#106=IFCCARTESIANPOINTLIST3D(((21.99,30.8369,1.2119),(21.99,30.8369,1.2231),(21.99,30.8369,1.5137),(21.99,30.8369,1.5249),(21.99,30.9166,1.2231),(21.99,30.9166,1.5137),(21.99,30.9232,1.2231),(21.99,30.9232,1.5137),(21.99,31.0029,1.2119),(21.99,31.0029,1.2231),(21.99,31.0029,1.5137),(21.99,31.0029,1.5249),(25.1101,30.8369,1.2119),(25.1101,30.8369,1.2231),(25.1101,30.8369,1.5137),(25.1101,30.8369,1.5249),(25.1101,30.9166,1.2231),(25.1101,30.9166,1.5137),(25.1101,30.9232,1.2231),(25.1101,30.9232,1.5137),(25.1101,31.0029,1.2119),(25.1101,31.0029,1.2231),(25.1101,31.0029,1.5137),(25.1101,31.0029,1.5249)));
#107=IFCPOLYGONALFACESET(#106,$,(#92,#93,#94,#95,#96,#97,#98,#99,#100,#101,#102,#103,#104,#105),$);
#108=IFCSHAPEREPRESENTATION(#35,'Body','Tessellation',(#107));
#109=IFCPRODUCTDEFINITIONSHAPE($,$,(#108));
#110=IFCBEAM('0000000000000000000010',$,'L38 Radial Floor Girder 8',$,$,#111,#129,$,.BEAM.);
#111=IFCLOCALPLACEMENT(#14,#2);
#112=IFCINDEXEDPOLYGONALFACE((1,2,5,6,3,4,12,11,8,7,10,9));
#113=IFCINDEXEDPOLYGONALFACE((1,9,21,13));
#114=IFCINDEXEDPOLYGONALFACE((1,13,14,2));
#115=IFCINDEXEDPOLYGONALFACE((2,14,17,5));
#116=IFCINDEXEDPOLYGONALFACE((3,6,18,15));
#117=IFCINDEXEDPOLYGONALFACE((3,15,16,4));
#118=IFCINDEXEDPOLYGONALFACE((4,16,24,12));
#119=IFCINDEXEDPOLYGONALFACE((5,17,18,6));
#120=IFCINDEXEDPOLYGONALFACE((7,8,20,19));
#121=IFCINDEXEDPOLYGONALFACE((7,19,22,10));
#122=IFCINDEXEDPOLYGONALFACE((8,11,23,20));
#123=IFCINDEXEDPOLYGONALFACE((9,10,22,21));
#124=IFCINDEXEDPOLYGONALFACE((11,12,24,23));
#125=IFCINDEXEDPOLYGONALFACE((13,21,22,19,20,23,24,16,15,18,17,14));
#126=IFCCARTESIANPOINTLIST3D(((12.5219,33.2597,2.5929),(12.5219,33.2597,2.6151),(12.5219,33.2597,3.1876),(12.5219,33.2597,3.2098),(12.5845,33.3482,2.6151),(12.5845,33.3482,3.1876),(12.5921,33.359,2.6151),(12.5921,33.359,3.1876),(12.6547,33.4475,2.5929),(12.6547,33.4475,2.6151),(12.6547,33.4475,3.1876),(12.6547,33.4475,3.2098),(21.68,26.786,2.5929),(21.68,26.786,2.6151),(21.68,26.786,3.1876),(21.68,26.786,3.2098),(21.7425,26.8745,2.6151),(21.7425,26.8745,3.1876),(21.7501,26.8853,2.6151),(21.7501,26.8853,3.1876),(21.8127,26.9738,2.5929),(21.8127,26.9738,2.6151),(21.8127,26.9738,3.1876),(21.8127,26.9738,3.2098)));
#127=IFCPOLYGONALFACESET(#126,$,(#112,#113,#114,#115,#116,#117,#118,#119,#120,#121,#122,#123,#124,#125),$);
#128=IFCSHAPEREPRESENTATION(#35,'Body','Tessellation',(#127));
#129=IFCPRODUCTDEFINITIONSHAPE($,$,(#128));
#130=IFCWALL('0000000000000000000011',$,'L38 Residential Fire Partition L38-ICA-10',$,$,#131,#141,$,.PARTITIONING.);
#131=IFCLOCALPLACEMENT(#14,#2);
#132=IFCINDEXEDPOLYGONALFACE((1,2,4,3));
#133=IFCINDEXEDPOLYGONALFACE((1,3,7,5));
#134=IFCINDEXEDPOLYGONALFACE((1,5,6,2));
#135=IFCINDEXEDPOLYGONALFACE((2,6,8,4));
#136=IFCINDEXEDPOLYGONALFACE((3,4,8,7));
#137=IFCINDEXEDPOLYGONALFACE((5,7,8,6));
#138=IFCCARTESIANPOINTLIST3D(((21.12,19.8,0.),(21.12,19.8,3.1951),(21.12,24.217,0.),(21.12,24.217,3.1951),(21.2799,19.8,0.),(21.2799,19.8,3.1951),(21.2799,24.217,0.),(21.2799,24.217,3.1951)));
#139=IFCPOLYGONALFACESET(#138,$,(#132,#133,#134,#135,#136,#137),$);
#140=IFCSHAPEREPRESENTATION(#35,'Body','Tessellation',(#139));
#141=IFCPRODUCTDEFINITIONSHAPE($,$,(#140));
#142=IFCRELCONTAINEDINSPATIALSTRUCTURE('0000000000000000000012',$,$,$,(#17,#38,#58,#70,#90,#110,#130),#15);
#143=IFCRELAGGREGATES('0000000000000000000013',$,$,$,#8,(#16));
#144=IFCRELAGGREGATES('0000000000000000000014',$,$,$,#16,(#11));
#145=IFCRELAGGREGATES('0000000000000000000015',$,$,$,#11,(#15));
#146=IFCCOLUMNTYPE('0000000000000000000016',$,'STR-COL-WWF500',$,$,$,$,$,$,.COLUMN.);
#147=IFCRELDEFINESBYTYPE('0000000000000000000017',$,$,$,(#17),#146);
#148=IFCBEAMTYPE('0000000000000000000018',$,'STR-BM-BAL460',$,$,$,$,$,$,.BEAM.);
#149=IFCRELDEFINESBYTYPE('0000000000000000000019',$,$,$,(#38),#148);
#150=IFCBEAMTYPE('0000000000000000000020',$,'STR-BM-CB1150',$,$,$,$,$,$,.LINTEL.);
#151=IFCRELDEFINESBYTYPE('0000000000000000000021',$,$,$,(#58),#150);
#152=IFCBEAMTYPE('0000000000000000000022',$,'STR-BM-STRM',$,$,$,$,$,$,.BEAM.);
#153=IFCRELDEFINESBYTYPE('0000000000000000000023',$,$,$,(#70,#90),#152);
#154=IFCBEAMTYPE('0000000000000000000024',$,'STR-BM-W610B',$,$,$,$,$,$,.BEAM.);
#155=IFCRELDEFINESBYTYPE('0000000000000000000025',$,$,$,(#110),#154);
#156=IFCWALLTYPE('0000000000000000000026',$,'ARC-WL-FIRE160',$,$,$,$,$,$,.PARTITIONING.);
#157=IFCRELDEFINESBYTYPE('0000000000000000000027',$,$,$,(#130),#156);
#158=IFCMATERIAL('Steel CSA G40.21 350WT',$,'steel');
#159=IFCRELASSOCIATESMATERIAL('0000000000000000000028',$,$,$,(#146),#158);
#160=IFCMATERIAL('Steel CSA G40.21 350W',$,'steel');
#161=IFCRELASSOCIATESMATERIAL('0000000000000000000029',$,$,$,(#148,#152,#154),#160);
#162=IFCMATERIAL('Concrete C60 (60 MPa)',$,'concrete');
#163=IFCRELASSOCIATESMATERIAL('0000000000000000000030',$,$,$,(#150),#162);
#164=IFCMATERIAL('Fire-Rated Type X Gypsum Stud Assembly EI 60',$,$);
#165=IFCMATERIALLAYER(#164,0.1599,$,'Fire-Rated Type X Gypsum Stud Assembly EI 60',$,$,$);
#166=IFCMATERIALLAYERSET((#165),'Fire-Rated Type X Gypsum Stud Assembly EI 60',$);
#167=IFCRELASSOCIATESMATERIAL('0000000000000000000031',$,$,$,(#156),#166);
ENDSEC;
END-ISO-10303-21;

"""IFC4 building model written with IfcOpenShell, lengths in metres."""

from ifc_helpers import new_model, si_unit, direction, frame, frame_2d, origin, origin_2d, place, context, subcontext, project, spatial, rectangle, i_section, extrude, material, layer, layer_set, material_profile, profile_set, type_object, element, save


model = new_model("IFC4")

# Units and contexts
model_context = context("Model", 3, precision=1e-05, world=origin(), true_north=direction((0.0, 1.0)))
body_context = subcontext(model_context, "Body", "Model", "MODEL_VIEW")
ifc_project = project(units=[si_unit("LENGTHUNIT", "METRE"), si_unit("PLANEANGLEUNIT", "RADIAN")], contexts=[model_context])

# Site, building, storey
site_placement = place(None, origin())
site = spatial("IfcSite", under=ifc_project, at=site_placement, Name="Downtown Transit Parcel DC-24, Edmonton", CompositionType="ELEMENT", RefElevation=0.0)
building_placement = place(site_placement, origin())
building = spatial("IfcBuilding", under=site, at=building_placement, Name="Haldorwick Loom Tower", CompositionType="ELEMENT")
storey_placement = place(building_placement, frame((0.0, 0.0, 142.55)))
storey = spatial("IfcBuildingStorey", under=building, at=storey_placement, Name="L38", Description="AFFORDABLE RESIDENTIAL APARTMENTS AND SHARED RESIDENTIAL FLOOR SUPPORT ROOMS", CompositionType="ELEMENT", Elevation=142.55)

━━━━━━━━━━━━━━━━

→ **Exercise directions**:
For this task, copy every line of the material in which "Body" appears.

→ **Response to the exercise**:
#108=IFCSHAPEREPRESENTATION(#35,'Body','Tessellation',(#107));
#128=IFCSHAPEREPRESENTATION(#35,'Body','Tessellation',(#127));
#140=IFCSHAPEREPRESENTATION(#35,'Body','Tessellation',(#139));
body_context = subcontext(model_context, "Body", "Model", "MODEL_VIEW")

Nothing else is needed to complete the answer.